Exercise requirements: Pick every line out of the entries below that has the string "WebThickness", and copy it.

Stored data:
[Start of section]

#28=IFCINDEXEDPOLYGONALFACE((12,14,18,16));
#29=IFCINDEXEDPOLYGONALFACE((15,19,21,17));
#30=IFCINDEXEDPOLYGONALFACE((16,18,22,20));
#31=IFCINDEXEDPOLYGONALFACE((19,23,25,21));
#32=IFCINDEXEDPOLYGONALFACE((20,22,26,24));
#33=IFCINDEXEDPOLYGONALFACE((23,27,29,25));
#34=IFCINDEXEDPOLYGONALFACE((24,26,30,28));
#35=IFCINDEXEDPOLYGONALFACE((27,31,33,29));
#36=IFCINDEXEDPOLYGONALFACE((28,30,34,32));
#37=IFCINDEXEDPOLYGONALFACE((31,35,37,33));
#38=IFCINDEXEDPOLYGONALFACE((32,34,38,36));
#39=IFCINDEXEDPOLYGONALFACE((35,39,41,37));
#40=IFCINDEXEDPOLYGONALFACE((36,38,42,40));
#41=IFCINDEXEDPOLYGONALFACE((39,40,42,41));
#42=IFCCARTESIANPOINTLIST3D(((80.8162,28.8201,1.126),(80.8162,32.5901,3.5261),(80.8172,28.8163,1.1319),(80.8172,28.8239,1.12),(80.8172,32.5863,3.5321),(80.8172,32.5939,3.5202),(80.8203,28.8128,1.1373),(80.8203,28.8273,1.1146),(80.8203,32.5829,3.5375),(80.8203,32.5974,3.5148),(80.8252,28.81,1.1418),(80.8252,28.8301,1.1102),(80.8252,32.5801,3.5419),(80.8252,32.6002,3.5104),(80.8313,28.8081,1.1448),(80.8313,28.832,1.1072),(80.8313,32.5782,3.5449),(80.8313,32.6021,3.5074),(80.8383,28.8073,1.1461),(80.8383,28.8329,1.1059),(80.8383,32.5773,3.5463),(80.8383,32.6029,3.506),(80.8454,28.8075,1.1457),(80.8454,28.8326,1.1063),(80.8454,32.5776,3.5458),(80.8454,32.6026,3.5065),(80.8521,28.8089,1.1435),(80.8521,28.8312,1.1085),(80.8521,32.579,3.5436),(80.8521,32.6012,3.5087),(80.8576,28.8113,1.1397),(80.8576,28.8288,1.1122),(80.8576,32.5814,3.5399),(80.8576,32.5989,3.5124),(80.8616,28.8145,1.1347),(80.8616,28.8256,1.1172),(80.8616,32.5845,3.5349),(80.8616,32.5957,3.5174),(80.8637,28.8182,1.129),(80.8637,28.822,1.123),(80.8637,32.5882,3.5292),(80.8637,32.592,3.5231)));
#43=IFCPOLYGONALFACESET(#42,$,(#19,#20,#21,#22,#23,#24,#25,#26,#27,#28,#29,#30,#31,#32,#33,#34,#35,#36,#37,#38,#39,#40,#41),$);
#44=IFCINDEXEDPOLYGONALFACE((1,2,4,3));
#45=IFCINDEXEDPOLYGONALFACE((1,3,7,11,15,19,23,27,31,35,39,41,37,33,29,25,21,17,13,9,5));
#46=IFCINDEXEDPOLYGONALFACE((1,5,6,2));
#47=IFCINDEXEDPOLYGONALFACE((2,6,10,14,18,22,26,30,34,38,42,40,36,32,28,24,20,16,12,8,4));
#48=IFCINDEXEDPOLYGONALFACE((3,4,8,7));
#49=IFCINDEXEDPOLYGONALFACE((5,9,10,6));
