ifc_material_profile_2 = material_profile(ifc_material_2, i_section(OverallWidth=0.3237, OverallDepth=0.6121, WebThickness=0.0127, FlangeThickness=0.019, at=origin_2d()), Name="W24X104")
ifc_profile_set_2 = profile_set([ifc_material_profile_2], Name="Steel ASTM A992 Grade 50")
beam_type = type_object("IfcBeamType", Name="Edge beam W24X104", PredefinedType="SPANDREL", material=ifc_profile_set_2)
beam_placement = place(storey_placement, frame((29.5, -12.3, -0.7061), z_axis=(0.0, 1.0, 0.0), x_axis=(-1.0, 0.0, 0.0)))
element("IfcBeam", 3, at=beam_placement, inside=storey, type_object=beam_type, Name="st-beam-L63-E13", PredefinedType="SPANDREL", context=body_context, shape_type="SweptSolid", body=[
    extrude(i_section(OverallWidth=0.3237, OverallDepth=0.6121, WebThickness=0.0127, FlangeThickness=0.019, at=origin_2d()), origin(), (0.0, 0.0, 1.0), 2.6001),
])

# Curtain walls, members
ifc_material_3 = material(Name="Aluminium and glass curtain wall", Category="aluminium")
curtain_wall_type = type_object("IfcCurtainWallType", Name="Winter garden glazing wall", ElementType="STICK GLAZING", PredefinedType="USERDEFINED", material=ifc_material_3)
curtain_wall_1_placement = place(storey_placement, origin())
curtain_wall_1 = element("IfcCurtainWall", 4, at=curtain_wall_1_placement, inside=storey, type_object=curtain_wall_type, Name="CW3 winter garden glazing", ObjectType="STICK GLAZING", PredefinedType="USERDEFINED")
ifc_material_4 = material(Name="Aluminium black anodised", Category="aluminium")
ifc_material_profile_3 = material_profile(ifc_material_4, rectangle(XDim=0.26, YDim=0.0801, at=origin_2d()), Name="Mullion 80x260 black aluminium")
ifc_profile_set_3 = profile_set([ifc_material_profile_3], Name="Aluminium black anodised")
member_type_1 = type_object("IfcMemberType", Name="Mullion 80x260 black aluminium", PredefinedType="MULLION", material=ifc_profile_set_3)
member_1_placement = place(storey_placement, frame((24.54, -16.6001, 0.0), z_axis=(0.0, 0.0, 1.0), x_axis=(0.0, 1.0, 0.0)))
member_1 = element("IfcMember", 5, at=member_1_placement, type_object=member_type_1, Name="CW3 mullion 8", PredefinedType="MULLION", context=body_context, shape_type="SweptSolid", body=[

[End of section]

Solution for this exercise:
ifc_material_profile_2 = material_profile(ifc_material_2, i_section(OverallWidth=0.3237, OverallDepth=0.6121, WebThickness=0.0127, FlangeThickness=0.019, at=origin_2d()), Name="W24X104")
    extrude(i_section(OverallWidth=0.3237, OverallDepth=0.6121, WebThickness=0.0127, FlangeThickness=0.019, at=origin_2d()), origin(), (0.0, 0.0, 1.0), 2.6001),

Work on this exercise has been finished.